*** Opening of RECORDS PROVIDED ***

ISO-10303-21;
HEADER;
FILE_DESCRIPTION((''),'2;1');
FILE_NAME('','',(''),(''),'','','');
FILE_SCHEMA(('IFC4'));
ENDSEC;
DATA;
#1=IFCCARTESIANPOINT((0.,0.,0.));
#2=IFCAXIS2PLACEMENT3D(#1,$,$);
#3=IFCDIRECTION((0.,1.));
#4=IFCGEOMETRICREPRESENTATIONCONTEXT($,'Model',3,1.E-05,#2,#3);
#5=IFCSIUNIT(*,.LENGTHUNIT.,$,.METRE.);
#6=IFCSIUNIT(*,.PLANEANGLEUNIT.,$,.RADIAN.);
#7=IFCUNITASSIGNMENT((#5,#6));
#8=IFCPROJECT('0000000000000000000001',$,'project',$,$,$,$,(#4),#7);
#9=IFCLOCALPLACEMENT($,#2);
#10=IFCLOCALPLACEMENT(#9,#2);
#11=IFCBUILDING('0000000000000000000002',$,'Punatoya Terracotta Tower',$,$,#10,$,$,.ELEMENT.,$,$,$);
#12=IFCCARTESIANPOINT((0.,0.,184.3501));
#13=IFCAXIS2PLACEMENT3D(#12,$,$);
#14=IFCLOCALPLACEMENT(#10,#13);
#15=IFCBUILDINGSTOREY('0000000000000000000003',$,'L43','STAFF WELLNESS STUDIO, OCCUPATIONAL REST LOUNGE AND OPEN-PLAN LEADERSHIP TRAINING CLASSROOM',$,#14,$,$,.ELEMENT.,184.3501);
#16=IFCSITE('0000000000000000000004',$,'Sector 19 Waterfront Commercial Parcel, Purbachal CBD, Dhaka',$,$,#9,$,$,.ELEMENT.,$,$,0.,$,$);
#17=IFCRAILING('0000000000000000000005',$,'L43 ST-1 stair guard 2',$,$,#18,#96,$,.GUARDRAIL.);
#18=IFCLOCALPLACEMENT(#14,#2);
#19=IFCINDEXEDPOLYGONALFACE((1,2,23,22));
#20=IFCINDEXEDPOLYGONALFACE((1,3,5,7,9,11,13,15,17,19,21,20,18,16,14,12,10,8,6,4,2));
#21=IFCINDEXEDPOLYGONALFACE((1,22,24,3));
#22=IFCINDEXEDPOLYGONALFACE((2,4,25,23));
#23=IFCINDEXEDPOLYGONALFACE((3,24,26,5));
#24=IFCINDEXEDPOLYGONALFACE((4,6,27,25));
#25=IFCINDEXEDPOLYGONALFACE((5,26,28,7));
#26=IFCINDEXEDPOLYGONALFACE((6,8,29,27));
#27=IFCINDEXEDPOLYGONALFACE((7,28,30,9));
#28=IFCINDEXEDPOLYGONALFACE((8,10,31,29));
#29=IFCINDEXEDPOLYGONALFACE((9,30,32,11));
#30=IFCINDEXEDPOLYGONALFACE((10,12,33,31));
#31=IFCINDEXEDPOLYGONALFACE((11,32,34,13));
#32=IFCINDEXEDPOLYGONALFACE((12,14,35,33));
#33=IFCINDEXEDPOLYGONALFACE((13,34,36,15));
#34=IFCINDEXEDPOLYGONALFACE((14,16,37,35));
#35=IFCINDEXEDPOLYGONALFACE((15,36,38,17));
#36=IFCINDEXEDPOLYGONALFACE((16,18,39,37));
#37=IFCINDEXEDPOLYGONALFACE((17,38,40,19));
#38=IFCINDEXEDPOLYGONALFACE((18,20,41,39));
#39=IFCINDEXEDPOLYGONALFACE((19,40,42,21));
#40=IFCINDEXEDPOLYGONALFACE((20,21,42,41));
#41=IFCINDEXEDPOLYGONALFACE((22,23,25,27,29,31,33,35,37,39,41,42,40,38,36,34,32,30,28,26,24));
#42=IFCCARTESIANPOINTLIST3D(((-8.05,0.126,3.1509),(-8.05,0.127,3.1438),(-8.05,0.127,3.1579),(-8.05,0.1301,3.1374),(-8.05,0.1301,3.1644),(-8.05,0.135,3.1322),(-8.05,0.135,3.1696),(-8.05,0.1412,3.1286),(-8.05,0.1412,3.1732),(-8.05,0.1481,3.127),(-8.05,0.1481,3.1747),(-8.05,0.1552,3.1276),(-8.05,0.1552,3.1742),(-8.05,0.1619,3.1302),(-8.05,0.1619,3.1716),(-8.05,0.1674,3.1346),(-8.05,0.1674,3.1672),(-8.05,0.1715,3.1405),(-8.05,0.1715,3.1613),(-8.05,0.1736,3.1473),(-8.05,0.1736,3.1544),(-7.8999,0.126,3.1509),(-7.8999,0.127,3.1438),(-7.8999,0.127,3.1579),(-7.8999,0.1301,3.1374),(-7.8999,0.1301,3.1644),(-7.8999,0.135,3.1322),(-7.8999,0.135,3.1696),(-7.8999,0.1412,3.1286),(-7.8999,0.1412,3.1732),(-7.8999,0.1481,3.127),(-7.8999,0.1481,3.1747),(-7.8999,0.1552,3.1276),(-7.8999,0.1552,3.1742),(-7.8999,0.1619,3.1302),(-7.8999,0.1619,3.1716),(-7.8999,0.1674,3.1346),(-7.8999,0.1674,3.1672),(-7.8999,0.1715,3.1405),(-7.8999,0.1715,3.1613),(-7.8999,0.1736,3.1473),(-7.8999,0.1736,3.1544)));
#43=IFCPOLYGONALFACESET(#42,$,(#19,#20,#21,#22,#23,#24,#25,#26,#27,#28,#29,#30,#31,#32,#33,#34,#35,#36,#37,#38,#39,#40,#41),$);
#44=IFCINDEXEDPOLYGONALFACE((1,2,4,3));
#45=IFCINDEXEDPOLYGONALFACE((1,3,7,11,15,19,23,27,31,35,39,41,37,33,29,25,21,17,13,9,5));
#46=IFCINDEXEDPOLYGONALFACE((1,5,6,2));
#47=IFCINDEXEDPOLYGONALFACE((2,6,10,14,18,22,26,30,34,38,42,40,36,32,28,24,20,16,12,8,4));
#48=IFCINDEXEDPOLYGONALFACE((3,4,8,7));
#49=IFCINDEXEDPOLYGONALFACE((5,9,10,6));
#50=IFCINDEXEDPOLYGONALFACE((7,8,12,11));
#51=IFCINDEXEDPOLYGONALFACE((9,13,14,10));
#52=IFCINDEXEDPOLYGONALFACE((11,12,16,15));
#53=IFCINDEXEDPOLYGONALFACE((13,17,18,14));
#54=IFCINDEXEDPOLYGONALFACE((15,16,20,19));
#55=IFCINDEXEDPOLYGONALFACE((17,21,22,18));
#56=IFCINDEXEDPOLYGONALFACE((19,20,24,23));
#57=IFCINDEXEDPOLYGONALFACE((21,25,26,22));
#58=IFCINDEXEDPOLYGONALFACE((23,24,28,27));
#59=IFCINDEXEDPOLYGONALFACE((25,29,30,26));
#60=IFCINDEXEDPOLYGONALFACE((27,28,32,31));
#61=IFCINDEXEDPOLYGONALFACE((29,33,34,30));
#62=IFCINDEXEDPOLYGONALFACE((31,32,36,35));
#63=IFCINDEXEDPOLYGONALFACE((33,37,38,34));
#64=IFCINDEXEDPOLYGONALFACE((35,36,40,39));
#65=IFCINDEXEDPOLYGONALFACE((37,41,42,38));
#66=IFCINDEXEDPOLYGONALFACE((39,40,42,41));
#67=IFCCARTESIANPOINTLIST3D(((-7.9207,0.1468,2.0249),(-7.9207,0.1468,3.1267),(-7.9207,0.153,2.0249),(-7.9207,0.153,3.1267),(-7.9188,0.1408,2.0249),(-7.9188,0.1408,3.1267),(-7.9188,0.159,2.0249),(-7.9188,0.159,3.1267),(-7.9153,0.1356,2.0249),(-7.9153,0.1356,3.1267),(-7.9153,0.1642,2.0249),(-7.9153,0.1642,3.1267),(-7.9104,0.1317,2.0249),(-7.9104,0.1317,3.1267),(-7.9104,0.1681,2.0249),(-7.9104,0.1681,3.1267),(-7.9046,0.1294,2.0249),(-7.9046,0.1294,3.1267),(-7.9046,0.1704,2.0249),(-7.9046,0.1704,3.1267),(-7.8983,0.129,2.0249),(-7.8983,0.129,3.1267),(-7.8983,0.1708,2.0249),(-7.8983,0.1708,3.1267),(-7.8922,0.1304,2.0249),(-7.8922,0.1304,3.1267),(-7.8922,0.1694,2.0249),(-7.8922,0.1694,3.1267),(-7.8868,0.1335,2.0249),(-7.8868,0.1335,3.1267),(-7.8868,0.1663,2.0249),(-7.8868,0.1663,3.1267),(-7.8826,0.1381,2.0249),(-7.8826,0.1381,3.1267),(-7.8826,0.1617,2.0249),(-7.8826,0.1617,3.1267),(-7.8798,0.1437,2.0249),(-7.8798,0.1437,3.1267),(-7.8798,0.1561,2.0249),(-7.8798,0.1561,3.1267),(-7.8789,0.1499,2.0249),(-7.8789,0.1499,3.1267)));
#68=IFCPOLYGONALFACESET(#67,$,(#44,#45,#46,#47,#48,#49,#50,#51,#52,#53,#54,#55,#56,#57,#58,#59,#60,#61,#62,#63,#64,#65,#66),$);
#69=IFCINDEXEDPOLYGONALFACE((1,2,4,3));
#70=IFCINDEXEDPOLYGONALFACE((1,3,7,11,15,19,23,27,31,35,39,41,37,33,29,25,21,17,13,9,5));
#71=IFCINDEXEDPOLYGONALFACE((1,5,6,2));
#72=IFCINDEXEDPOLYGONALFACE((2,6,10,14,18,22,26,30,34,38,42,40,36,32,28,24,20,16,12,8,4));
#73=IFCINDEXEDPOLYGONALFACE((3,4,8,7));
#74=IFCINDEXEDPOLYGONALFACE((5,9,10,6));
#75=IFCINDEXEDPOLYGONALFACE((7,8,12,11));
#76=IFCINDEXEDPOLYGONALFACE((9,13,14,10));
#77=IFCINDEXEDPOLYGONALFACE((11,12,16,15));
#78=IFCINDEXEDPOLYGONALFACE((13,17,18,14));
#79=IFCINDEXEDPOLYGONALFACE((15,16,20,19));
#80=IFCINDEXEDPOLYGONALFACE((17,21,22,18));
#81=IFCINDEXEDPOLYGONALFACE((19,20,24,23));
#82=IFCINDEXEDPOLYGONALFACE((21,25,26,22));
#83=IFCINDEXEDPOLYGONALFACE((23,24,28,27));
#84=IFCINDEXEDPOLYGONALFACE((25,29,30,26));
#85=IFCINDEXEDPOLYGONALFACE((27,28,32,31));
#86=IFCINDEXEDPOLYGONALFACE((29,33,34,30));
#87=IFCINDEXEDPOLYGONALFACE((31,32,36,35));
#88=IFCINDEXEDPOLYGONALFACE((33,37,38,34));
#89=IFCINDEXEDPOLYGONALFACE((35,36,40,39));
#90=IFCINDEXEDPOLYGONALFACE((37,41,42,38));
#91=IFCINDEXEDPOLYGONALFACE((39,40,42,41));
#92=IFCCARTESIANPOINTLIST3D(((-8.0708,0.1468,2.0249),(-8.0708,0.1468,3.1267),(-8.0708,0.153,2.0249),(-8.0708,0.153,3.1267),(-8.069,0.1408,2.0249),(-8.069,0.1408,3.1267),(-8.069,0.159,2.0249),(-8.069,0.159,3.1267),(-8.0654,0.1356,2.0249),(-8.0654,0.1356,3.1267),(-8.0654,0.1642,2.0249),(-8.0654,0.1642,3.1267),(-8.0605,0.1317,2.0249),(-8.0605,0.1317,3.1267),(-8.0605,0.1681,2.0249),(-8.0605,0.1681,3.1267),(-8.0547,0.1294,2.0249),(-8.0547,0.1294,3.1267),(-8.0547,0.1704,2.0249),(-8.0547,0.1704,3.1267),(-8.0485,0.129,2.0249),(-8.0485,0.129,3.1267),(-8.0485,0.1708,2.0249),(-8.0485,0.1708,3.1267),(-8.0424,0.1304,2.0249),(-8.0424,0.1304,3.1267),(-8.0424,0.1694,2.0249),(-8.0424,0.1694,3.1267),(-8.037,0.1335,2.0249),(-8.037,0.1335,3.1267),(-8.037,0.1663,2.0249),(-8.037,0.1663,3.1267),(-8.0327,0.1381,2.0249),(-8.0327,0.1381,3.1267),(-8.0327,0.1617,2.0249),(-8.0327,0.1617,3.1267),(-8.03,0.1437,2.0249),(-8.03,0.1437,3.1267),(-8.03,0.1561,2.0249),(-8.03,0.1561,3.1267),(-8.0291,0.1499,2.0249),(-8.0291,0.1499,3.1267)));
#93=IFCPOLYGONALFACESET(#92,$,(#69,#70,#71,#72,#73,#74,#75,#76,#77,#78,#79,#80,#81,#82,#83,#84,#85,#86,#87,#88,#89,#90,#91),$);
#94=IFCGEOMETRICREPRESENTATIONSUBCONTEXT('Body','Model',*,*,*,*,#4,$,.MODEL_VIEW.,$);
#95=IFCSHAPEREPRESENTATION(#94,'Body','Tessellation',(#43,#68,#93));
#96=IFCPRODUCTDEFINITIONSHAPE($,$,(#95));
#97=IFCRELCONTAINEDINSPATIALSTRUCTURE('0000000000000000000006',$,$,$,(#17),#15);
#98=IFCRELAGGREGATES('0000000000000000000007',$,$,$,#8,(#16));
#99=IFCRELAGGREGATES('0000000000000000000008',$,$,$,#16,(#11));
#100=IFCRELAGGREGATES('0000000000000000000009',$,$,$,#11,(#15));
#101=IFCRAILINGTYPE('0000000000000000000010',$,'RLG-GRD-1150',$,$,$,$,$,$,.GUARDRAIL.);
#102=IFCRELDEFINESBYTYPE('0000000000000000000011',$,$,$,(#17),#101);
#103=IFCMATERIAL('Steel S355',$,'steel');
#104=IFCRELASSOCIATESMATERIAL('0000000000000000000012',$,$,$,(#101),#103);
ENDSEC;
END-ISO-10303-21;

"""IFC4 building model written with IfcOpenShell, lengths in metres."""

from ifc_helpers import new_model, si_unit, direction, frame, origin, origin_2d, place, context, subcontext, project, spatial, circle, extrude, material, type_object, element, save


model = new_model("IFC4")

# Units and contexts
model_context = context("Model", 3, precision=1e-05, world=origin(), true_north=direction((0.0, 1.0)))
body_context = subcontext(model_context, "Body", "Model", "MODEL_VIEW")
ifc_project = project(units=[si_unit("LENGTHUNIT", "METRE"), si_unit("PLANEANGLEUNIT", "RADIAN")], contexts=[model_context])

# Site, building, storey
site_placement = place(None, origin())
site = spatial("IfcSite", under=ifc_project, at=site_placement, Name="Sector 19 Waterfront Commercial Parcel, Purbachal CBD, Dhaka", CompositionType="ELEMENT", RefElevation=0.0)
building_placement = place(site_placement, origin())
building = spatial("IfcBuilding", under=site, at=building_placement, Name="Punatoya Terracotta Tower", CompositionType="ELEMENT")
storey_placement = place(building_placement, frame((0.0, 0.0, 184.3501)))
storey = spatial("IfcBuildingStorey", under=building, at=storey_placement, Name="L43", Description="STAFF WELLNESS STUDIO, OCCUPATIONAL REST LOUNGE AND OPEN-PLAN LEADERSHIP TRAINING CLASSROOM", CompositionType="ELEMENT", Elevation=184.3501)

# Shared definitions
ifc_material_1 = material(Name="Steel S355", Category="steel")

# Railing
railing_type_1 = type_object("IfcRailingType", Name="RLG-GRD-1150", PredefinedType="GUARDRAIL", material=ifc_material_1)
railing_1_placement = place(storey_placement, frame((-7.8999, 0.1499, 2.0249)))
element("IfcRailing", 1, at=railing_1_placement, inside=storey, type_object=railing_type_1, Name="L43 ST-1 stair guard 2", PredefinedType="GUARDRAIL", context=body_context, shape_type="SweptSolid", body=[
    extrude(circle(Radius=0.0239, at=origin_2d()), frame((0.0, 0.0, 1.126), z_axis=(-1.0, 0.0, 0.0), x_axis=(0.0, -1.0, 0.0)), (0.0, 0.0, 1.0), 0.1501),
    extrude(circle(Radius=0.021, at=origin_2d()), origin(), (0.0, 0.0, 1.0), 1.1018),
    extrude(circle(Radius=0.021, at=origin_2d()), frame((-0.1501, 0.0, 0.0)), (0.0, 0.0, 1.0), 1.1018),
])

save(model, "model.ifc")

*** Close of RECORDS PROVIDED ***

**WHAT YOU HAVE TO DO**
Above this instruction are the records; retype exactly the lines from the one containing "#63=IFCINDEXEDPOLYGONALFACE((33,37,38,34));" up to and including the one containing "#66=IFCINDEXEDPOLYGONALFACE((39,40,42,41));".

**EXERCISE ANSWER**
#63=IFCINDEXEDPOLYGONALFACE((33,37,38,34));
#64=IFCINDEXEDPOLYGONALFACE((35,36,40,39));
#65=IFCINDEXEDPOLYGONALFACE((37,41,42,38));
#66=IFCINDEXEDPOLYGONALFACE((39,40,42,41));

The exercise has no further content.